What the exercise asks |
From the entries below, return exactly the lines beginning at the one that contains "#146=IFCPRODUCTDEFINITIONSHAPE($,$,(#145));" and ending at the one that contains "#148=IFCRELAGGREGATES('0000000000000000000007',$,$,$,#8,(#16));", both of them included, and only those lines.

Saved entries:
========
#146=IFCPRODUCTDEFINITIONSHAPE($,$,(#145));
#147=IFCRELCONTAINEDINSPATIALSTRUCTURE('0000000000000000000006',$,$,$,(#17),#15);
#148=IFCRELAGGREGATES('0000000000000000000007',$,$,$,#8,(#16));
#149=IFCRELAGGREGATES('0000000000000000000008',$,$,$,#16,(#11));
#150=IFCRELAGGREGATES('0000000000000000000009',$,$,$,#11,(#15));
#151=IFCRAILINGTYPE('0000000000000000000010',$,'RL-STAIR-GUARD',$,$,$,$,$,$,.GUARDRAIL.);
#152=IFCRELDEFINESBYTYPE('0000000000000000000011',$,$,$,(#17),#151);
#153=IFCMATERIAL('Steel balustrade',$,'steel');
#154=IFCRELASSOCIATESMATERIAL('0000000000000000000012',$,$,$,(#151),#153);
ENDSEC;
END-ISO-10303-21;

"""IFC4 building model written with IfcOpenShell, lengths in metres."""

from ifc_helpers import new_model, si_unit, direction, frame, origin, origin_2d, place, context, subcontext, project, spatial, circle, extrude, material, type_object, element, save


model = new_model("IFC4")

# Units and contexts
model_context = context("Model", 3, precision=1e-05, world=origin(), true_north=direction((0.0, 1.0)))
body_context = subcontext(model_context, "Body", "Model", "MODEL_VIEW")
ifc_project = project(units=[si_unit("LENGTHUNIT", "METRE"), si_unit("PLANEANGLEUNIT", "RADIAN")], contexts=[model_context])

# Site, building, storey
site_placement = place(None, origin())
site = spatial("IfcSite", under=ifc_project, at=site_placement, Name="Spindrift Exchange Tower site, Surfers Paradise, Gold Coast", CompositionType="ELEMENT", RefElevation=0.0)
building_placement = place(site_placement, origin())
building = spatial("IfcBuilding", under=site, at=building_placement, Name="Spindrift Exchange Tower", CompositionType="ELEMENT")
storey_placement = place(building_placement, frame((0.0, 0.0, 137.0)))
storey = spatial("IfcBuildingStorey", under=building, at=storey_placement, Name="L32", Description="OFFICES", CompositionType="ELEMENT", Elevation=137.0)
========
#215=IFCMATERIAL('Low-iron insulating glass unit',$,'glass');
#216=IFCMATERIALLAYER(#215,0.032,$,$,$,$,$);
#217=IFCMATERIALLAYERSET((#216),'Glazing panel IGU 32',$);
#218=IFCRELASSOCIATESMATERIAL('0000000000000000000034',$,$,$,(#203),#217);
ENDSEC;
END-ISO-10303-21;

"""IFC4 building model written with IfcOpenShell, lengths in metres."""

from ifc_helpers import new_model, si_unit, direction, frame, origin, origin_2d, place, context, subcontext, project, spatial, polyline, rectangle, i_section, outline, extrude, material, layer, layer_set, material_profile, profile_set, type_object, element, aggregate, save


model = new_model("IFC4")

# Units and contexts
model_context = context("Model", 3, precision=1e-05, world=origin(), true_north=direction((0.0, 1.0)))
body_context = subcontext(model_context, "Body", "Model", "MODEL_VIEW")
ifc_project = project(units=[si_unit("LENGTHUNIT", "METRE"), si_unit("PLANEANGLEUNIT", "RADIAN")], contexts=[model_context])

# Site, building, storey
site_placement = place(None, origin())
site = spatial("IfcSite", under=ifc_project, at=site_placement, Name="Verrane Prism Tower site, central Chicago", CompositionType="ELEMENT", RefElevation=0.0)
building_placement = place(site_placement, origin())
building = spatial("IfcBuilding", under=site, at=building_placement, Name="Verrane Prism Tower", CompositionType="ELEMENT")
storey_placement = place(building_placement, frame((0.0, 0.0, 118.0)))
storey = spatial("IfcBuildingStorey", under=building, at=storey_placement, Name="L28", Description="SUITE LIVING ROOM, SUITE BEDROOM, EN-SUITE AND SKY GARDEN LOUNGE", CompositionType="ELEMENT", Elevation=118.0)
========
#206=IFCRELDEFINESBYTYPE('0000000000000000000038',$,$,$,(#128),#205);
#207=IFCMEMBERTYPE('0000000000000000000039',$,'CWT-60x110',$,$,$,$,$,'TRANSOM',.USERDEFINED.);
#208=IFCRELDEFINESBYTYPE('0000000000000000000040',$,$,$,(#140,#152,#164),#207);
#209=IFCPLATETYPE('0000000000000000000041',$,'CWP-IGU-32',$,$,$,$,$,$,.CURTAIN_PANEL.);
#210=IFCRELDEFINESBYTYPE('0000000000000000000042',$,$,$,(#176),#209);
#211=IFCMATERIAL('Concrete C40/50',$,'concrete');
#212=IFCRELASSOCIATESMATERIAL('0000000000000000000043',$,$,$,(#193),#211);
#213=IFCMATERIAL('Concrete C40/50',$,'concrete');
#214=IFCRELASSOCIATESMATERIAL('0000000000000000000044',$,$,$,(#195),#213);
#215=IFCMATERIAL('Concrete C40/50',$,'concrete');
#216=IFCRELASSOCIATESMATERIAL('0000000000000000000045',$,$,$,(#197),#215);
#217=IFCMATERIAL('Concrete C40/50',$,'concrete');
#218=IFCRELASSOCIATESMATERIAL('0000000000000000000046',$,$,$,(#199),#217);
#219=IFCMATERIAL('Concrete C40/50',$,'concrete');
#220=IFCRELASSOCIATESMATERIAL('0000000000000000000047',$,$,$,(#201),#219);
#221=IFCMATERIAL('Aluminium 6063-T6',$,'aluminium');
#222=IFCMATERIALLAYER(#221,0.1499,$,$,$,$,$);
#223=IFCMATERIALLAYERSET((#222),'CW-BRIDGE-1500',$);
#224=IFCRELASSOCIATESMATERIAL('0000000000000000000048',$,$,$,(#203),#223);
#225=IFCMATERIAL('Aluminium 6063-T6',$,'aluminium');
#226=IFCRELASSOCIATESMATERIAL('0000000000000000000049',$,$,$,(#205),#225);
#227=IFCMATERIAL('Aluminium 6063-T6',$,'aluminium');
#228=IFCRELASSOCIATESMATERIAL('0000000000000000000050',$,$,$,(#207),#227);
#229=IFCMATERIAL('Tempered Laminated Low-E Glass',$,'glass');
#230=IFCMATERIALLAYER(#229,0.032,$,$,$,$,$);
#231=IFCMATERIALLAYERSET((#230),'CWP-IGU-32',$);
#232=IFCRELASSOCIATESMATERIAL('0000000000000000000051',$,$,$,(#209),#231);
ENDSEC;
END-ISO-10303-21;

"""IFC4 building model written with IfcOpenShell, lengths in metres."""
========
Expected output |
#146=IFCPRODUCTDEFINITIONSHAPE($,$,(#145));
#147=IFCRELCONTAINEDINSPATIALSTRUCTURE('0000000000000000000006',$,$,$,(#17),#15);
#148=IFCRELAGGREGATES('0000000000000000000007',$,$,$,#8,(#16));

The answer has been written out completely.